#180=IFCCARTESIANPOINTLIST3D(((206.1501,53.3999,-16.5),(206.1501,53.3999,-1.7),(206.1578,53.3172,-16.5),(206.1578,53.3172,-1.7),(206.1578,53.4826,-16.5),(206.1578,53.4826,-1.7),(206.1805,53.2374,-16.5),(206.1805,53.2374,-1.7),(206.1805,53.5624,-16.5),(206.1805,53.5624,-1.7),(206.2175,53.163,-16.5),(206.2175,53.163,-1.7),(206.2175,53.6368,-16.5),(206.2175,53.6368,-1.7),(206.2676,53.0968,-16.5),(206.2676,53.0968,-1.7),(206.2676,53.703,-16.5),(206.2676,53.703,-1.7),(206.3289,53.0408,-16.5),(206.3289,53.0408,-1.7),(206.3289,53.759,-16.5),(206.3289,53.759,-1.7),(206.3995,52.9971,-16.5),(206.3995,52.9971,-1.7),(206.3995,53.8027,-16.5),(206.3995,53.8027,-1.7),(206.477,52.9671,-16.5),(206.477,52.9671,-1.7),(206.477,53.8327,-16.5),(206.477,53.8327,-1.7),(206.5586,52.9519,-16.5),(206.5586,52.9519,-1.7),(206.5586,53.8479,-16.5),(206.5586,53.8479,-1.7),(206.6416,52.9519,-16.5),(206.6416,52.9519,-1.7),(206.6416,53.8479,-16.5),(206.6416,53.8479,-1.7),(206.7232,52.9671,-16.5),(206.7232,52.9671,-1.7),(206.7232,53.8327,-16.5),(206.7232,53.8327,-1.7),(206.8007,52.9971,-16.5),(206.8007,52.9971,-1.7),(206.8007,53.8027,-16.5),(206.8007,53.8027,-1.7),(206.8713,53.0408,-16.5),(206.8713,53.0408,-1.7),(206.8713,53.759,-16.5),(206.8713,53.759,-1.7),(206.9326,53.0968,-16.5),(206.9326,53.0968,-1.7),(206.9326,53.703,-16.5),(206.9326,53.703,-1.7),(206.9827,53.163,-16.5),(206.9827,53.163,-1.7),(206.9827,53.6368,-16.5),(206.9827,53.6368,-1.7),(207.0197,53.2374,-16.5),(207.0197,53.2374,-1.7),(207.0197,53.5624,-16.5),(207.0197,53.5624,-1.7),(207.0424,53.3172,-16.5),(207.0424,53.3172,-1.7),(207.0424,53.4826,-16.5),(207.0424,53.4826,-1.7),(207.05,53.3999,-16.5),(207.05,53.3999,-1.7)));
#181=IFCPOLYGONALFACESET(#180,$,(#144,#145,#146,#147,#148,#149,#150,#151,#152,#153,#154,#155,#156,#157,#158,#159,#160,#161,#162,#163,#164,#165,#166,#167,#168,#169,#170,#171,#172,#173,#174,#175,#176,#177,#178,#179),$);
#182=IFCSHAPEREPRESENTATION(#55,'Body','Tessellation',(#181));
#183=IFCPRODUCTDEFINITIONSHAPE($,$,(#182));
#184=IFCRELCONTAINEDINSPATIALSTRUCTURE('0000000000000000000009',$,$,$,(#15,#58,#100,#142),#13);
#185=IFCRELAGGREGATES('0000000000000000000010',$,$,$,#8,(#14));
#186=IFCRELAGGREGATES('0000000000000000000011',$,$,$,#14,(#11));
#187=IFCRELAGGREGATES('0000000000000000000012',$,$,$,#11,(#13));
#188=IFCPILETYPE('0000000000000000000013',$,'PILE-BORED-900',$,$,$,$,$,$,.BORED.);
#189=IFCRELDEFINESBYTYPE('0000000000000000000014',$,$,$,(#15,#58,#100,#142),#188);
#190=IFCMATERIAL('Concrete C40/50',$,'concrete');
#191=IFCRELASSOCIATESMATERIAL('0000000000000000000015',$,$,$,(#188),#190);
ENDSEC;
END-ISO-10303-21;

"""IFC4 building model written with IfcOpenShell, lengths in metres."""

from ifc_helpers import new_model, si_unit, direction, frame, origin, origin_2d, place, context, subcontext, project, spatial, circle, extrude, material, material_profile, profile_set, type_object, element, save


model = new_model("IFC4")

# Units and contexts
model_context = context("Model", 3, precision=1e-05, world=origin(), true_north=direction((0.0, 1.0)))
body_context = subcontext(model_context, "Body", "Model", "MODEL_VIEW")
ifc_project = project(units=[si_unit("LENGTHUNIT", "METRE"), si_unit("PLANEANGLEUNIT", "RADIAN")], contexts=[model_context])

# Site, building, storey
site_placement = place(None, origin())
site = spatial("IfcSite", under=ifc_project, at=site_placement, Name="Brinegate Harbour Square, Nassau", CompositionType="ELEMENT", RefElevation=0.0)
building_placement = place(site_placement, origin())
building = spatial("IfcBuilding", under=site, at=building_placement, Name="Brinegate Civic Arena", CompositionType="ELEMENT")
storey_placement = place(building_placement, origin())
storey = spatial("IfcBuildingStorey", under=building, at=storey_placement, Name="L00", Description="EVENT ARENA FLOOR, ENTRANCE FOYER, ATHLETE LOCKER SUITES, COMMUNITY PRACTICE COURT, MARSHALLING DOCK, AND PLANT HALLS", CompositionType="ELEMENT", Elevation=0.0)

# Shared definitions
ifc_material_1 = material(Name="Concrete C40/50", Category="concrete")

» **Work request**
Copy the entries above exactly, but only from the line holding "ARENA FLOOR, ENTRANCE" through the line holding "# Shared definitions", both included.

» **Output for this exercise**
storey = spatial("IfcBuildingStorey", under=building, at=storey_placement, Name="L00", Description="EVENT ARENA FLOOR, ENTRANCE FOYER, ATHLETE LOCKER SUITES, COMMUNITY PRACTICE COURT, MARSHALLING DOCK, AND PLANT HALLS", CompositionType="ELEMENT", Elevation=0.0)

# Shared definitions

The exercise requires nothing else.